Try it: Of the material below, only the lines from the line containing "#134=IFCDOOR('0000000000000000000009',$,'L27 Interior door" down to the line containing "#160=IFCSHAPEREPRESENTATION(#59,'Body','Tessellation',(#159));" belong in the answer, written out exactly.

Dataset extract:
Start of Block

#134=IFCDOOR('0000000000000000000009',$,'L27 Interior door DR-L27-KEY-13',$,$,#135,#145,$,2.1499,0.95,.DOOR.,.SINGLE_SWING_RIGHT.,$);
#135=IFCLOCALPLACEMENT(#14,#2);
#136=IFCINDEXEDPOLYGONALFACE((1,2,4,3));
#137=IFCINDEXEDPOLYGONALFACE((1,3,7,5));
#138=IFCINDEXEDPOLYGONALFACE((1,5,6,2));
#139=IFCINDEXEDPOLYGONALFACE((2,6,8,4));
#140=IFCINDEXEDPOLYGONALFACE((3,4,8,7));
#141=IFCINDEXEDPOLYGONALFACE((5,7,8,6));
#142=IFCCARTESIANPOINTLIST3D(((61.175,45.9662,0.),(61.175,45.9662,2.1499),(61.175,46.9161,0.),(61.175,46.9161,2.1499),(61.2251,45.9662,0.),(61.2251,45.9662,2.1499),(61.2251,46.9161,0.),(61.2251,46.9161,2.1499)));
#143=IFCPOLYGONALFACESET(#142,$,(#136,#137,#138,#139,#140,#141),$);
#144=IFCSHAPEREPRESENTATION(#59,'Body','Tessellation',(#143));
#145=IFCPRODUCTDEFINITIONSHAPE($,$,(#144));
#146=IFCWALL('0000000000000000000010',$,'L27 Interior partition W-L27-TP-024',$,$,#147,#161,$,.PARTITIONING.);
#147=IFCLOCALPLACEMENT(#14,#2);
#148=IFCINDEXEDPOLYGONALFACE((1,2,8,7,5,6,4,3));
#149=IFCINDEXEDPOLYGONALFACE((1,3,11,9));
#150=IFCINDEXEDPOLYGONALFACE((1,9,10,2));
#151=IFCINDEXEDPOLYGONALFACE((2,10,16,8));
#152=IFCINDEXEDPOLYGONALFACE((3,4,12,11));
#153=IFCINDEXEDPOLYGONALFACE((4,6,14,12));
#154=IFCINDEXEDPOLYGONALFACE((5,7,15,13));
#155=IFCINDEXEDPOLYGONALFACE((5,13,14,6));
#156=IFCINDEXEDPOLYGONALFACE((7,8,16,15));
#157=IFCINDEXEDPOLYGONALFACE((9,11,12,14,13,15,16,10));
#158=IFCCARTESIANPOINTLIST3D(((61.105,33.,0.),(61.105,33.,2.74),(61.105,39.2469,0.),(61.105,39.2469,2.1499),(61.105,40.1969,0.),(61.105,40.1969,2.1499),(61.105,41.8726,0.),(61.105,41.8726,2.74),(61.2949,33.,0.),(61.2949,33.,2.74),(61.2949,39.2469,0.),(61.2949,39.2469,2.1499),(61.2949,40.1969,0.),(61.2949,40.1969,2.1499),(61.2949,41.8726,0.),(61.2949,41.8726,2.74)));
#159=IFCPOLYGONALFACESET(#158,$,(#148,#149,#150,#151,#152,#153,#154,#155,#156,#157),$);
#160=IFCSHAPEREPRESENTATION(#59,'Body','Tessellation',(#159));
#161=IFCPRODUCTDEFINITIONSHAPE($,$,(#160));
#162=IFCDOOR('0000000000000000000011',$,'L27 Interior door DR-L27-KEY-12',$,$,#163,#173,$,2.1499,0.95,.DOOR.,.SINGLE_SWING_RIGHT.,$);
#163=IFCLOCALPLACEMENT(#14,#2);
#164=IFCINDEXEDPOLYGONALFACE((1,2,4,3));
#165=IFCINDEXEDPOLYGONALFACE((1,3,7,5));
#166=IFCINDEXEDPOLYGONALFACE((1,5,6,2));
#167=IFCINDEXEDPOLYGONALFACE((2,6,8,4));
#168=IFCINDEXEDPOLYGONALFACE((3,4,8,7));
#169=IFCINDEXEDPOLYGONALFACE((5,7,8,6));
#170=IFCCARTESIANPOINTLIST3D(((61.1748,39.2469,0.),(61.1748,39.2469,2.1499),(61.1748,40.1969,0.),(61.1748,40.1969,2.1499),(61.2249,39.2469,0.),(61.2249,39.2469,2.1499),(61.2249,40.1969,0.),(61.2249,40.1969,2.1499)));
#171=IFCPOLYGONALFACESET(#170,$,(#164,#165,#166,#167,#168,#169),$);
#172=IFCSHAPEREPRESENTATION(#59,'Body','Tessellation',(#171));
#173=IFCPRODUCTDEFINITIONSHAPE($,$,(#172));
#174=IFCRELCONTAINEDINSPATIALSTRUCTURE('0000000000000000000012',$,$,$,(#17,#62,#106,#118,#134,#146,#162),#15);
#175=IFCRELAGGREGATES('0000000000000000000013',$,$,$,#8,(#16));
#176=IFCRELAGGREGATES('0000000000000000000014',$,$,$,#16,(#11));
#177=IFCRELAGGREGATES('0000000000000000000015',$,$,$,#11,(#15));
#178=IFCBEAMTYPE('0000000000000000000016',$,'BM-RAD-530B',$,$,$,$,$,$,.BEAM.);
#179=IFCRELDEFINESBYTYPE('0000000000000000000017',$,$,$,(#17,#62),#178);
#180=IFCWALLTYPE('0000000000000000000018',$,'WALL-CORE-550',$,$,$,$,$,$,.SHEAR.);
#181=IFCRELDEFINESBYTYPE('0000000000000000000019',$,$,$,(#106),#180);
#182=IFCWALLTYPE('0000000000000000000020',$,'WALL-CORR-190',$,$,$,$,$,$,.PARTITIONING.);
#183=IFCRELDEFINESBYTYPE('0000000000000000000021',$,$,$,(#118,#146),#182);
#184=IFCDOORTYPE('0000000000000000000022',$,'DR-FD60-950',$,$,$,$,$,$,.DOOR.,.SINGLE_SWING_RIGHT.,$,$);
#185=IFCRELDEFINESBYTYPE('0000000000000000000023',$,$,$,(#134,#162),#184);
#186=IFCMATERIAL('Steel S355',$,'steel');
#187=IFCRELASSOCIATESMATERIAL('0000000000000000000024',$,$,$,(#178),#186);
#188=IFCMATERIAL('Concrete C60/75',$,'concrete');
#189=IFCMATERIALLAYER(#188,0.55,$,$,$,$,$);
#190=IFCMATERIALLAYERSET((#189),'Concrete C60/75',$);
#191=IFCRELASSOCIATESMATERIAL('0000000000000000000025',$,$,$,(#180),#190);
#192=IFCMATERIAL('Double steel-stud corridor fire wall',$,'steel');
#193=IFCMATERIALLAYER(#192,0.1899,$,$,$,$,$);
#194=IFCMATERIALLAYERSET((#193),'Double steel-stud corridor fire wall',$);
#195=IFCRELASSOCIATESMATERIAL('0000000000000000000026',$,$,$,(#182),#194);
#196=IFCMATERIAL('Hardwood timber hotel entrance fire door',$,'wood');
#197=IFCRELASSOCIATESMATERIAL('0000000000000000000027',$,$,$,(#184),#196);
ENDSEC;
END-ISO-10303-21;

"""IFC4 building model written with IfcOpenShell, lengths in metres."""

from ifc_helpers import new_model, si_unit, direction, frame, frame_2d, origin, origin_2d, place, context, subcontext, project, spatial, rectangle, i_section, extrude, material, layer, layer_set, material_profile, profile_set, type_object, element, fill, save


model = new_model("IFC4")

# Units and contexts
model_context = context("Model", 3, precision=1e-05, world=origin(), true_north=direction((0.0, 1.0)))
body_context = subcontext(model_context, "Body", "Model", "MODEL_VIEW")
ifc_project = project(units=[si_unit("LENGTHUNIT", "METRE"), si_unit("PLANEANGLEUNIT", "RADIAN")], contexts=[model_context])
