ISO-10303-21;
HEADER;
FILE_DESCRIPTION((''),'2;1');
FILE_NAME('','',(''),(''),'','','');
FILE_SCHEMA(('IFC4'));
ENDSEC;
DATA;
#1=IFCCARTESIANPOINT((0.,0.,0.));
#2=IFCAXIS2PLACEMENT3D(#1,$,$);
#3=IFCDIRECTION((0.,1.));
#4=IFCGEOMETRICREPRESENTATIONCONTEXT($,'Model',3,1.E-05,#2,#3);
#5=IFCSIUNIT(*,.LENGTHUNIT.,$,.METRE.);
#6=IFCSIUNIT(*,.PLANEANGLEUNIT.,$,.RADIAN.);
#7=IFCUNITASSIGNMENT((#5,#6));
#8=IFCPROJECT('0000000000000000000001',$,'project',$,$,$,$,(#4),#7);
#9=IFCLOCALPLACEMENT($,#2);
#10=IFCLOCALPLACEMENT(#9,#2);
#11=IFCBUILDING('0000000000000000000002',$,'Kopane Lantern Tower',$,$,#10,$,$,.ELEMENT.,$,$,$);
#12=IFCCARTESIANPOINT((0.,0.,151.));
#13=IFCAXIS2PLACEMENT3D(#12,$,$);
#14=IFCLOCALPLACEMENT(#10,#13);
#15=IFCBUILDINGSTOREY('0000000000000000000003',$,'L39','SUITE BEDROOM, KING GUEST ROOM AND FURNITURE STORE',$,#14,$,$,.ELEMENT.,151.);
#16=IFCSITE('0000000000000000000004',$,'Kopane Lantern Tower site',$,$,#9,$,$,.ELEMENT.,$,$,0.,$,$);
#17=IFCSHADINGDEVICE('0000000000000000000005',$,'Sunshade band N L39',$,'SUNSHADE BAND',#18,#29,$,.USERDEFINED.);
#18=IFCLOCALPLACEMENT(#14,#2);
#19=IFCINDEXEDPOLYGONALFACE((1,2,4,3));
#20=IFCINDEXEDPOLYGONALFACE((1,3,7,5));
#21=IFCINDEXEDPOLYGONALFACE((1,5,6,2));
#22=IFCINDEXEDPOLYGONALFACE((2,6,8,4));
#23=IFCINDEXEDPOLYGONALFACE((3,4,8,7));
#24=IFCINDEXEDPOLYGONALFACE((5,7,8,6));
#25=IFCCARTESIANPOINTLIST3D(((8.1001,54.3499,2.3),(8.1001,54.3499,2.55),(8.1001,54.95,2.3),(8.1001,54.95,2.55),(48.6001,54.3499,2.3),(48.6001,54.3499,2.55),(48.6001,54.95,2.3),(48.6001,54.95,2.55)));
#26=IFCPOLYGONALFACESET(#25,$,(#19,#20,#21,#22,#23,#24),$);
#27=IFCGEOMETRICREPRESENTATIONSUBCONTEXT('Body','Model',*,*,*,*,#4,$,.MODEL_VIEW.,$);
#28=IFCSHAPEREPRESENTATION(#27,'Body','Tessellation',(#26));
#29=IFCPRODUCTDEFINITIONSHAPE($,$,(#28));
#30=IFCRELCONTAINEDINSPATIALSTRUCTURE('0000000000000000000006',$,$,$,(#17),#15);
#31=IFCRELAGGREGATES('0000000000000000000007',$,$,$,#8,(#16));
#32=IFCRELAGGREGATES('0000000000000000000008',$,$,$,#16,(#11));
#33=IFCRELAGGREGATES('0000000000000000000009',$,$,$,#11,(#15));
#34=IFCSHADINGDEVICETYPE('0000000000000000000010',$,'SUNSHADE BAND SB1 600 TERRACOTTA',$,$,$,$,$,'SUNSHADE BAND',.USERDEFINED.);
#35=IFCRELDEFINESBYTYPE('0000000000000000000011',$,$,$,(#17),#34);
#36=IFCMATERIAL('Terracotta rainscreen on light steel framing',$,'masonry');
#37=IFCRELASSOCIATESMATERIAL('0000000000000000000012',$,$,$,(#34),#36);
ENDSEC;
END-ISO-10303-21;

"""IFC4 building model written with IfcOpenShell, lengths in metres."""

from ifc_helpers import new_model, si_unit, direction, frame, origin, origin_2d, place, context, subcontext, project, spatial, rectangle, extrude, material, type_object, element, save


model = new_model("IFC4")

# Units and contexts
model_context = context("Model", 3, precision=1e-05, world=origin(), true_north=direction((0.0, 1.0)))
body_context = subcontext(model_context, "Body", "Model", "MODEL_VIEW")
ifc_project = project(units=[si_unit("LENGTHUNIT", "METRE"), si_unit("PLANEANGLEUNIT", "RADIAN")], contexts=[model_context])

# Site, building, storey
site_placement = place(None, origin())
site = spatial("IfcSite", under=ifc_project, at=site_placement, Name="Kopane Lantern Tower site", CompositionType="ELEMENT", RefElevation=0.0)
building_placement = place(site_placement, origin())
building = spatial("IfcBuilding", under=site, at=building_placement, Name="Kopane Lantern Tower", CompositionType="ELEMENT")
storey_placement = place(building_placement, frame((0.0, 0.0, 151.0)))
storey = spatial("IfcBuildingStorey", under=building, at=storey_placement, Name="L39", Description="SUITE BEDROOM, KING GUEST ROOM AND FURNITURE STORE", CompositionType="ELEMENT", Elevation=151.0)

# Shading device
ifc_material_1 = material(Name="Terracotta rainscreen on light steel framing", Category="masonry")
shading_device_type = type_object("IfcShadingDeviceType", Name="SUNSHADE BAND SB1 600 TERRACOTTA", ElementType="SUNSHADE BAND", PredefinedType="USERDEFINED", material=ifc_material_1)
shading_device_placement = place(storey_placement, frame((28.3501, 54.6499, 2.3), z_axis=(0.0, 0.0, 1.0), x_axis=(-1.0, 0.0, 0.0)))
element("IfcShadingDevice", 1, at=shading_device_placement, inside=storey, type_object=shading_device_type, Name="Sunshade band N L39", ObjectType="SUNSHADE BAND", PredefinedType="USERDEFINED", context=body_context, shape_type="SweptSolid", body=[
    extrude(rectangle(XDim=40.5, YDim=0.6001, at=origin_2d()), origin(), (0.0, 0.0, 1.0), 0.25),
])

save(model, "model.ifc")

End of Block
Start of Block

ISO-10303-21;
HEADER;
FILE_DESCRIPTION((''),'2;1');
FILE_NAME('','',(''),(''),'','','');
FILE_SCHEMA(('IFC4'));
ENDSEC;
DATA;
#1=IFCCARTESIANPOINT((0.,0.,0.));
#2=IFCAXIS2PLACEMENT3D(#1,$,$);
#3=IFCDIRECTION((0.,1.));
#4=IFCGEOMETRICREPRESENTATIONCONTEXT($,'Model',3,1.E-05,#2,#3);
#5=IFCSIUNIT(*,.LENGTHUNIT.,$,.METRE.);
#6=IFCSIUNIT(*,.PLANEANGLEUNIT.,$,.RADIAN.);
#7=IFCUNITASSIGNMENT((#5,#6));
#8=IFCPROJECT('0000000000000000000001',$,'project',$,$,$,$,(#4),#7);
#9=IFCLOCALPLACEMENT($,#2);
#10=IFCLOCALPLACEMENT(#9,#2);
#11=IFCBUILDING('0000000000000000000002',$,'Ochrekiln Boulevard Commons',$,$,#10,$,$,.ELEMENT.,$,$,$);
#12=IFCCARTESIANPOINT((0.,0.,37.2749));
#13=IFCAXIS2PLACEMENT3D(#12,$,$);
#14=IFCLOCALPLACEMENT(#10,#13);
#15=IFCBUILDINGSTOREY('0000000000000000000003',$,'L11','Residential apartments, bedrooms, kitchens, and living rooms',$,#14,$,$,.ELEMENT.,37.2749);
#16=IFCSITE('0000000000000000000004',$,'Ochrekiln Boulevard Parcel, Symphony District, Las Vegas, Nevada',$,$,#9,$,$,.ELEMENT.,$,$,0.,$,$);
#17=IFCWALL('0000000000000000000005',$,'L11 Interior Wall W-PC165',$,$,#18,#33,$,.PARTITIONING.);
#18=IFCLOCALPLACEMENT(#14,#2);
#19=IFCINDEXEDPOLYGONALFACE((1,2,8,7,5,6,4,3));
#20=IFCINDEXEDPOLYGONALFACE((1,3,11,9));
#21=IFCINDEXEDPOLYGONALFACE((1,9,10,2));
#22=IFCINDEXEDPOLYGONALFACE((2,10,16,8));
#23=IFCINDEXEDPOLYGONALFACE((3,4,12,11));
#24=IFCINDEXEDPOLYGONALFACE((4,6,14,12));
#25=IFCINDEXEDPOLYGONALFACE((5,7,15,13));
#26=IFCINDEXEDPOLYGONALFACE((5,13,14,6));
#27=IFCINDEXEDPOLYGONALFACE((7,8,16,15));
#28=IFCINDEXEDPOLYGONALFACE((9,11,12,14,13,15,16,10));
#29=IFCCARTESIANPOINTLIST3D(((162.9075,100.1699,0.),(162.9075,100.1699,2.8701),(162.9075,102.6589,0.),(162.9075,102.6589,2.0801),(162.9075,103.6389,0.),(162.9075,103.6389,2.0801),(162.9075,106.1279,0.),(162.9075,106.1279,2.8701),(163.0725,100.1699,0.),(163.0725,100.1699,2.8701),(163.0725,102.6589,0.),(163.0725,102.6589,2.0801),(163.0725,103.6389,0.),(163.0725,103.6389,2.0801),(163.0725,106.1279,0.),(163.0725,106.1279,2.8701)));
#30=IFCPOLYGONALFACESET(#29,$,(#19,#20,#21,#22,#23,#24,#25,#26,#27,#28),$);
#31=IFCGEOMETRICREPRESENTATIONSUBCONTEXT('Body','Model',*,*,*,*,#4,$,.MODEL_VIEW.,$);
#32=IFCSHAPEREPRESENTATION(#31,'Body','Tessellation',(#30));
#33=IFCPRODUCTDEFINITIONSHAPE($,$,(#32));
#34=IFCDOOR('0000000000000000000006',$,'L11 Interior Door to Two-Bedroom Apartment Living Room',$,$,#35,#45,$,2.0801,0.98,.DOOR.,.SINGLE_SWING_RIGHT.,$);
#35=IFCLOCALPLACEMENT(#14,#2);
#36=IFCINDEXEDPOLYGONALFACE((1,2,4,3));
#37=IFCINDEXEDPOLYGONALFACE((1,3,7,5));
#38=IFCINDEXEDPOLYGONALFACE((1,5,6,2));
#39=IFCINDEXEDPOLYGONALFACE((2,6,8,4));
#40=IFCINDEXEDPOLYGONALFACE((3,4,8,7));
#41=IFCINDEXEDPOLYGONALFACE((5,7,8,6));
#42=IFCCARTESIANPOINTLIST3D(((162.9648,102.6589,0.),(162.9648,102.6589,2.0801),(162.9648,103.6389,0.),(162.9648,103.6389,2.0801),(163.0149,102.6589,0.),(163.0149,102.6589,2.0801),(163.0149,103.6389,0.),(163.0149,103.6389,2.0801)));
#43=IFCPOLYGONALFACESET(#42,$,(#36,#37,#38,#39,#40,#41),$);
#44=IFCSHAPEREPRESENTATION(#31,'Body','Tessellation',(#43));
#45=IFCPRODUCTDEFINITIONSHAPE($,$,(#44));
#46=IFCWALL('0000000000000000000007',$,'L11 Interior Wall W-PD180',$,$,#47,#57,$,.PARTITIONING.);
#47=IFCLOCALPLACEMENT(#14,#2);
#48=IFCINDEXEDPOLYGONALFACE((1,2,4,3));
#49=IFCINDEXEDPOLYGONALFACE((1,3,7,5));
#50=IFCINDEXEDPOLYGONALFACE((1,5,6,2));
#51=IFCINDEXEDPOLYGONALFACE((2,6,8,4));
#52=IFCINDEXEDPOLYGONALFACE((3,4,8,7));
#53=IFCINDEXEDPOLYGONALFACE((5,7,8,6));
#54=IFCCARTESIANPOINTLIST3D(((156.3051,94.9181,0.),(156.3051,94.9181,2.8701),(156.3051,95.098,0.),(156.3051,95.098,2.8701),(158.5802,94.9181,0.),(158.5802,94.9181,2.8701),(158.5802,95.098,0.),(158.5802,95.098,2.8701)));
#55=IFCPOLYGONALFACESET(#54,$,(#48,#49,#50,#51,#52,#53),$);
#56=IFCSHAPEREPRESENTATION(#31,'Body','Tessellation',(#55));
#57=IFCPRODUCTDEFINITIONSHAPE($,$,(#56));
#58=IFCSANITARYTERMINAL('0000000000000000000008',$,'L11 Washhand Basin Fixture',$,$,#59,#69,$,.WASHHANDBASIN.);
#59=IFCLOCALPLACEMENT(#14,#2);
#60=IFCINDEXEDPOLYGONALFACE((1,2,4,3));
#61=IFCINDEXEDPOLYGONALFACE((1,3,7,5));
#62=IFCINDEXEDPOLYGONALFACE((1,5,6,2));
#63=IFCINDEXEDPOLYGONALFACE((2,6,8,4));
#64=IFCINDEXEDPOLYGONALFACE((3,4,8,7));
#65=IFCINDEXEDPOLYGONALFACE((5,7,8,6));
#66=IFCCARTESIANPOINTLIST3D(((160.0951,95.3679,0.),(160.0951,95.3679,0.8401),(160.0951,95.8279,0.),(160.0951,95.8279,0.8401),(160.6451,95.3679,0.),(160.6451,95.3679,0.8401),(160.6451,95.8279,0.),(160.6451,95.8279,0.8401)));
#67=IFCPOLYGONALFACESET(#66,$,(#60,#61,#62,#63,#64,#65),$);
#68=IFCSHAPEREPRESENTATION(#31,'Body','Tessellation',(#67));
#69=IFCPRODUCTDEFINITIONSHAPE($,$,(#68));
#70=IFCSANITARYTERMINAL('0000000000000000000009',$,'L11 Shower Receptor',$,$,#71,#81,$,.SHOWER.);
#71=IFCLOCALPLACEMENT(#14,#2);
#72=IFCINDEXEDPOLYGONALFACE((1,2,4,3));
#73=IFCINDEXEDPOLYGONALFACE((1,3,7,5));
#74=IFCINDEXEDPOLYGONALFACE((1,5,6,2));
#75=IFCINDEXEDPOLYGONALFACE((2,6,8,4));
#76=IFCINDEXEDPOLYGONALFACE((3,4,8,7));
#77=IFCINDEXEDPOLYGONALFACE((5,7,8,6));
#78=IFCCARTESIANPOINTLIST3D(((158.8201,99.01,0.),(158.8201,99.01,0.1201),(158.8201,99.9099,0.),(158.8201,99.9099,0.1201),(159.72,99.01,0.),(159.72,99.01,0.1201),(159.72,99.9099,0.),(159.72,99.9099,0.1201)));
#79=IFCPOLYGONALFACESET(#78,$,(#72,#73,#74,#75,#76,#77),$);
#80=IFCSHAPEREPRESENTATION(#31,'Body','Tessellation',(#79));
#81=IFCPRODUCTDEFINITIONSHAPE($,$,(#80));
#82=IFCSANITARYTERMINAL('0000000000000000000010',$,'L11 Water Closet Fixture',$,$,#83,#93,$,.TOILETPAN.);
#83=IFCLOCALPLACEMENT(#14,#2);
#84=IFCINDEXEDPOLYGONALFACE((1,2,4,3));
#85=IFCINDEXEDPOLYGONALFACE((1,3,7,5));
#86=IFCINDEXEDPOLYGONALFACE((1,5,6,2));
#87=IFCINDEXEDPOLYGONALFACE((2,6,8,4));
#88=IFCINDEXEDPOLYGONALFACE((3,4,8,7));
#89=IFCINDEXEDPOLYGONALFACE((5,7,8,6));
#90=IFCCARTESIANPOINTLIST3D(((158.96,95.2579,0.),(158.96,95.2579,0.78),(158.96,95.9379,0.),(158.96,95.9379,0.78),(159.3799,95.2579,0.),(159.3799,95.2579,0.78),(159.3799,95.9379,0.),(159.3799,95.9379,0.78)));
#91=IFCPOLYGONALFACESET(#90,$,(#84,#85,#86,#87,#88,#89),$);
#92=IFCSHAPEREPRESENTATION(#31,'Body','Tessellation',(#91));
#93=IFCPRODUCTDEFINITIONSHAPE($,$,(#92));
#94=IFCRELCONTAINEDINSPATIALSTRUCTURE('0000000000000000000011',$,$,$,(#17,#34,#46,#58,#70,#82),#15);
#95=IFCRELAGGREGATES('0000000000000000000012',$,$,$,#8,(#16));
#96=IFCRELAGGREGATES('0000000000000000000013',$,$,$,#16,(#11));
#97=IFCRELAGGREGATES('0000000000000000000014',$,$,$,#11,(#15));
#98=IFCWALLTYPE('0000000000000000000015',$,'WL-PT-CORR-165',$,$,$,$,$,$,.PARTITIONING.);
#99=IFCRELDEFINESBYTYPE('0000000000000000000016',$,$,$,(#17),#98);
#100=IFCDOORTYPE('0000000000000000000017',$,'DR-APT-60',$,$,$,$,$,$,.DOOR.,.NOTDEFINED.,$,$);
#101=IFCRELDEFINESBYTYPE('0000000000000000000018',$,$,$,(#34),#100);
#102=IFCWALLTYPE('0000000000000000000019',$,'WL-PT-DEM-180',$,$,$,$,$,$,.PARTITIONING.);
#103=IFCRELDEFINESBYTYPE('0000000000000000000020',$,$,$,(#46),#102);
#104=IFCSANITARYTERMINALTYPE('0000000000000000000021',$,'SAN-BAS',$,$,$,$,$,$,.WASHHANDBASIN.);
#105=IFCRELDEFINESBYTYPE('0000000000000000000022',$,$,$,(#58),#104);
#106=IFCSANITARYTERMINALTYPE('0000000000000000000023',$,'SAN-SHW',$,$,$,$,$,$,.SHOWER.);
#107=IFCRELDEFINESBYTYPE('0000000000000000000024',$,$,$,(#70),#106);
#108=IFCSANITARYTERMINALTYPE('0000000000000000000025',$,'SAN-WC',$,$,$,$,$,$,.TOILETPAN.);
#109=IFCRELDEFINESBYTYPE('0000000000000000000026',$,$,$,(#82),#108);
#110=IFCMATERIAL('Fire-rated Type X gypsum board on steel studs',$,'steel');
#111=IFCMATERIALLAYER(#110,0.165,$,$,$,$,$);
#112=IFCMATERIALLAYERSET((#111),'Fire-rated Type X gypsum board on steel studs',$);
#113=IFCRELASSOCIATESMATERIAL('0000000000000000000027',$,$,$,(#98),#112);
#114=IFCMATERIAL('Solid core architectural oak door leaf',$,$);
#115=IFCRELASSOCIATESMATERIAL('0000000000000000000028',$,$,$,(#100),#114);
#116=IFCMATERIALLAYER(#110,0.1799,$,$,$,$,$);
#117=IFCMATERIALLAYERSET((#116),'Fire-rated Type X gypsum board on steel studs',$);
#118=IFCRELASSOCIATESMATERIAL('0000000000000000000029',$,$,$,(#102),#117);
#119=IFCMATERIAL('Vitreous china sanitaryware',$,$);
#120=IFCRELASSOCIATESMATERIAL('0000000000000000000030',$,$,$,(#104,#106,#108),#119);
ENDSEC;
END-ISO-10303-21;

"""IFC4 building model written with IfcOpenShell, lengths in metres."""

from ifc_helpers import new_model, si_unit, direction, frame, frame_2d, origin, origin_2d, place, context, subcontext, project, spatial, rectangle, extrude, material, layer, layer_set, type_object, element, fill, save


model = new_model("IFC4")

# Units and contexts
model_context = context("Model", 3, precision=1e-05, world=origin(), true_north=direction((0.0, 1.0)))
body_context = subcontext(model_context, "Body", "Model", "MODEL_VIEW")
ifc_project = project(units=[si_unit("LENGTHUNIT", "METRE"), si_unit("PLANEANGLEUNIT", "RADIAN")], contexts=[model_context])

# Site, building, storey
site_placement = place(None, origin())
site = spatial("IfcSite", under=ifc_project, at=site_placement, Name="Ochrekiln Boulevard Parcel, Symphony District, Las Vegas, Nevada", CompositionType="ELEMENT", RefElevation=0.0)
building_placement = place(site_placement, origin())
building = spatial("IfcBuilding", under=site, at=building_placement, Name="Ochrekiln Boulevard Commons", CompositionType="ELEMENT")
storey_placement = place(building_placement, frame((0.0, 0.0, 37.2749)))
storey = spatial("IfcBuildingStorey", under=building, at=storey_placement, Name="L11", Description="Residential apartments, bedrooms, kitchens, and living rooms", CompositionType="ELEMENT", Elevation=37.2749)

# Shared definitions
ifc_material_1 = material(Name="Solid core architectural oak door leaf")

End of Block

Answer for this exercise:
#134=IFCDOOR('0000000000000000000009',$,'L27 Interior door DR-L27-KEY-13',$,$,#135,#145,$,2.1499,0.95,.DOOR.,.SINGLE_SWING_RIGHT.,$);
#135=IFCLOCALPLACEMENT(#14,#2);
#136=IFCINDEXEDPOLYGONALFACE((1,2,4,3));
#137=IFCINDEXEDPOLYGONALFACE((1,3,7,5));
#138=IFCINDEXEDPOLYGONALFACE((1,5,6,2));
#139=IFCINDEXEDPOLYGONALFACE((2,6,8,4));
#140=IFCINDEXEDPOLYGONALFACE((3,4,8,7));
#141=IFCINDEXEDPOLYGONALFACE((5,7,8,6));
#142=IFCCARTESIANPOINTLIST3D(((61.175,45.9662,0.),(61.175,45.9662,2.1499),(61.175,46.9161,0.),(61.175,46.9161,2.1499),(61.2251,45.9662,0.),(61.2251,45.9662,2.1499),(61.2251,46.9161,0.),(61.2251,46.9161,2.1499)));
#143=IFCPOLYGONALFACESET(#142,$,(#136,#137,#138,#139,#140,#141),$);
#144=IFCSHAPEREPRESENTATION(#59,'Body','Tessellation',(#143));
#145=IFCPRODUCTDEFINITIONSHAPE($,$,(#144));
#146=IFCWALL('0000000000000000000010',$,'L27 Interior partition W-L27-TP-024',$,$,#147,#161,$,.PARTITIONING.);
#147=IFCLOCALPLACEMENT(#14,#2);
#148=IFCINDEXEDPOLYGONALFACE((1,2,8,7,5,6,4,3));
#149=IFCINDEXEDPOLYGONALFACE((1,3,11,9));
#150=IFCINDEXEDPOLYGONALFACE((1,9,10,2));
#151=IFCINDEXEDPOLYGONALFACE((2,10,16,8));
#152=IFCINDEXEDPOLYGONALFACE((3,4,12,11));
#153=IFCINDEXEDPOLYGONALFACE((4,6,14,12));
#154=IFCINDEXEDPOLYGONALFACE((5,7,15,13));
#155=IFCINDEXEDPOLYGONALFACE((5,13,14,6));
#156=IFCINDEXEDPOLYGONALFACE((7,8,16,15));
#157=IFCINDEXEDPOLYGONALFACE((9,11,12,14,13,15,16,10));
#158=IFCCARTESIANPOINTLIST3D(((61.105,33.,0.),(61.105,33.,2.74),(61.105,39.2469,0.),(61.105,39.2469,2.1499),(61.105,40.1969,0.),(61.105,40.1969,2.1499),(61.105,41.8726,0.),(61.105,41.8726,2.74),(61.2949,33.,0.),(61.2949,33.,2.74),(61.2949,39.2469,0.),(61.2949,39.2469,2.1499),(61.2949,40.1969,0.),(61.2949,40.1969,2.1499),(61.2949,41.8726,0.),(61.2949,41.8726,2.74)));
#159=IFCPOLYGONALFACESET(#158,$,(#148,#149,#150,#151,#152,#153,#154,#155,#156,#157),$);
#160=IFCSHAPEREPRESENTATION(#59,'Body','Tessellation',(#159));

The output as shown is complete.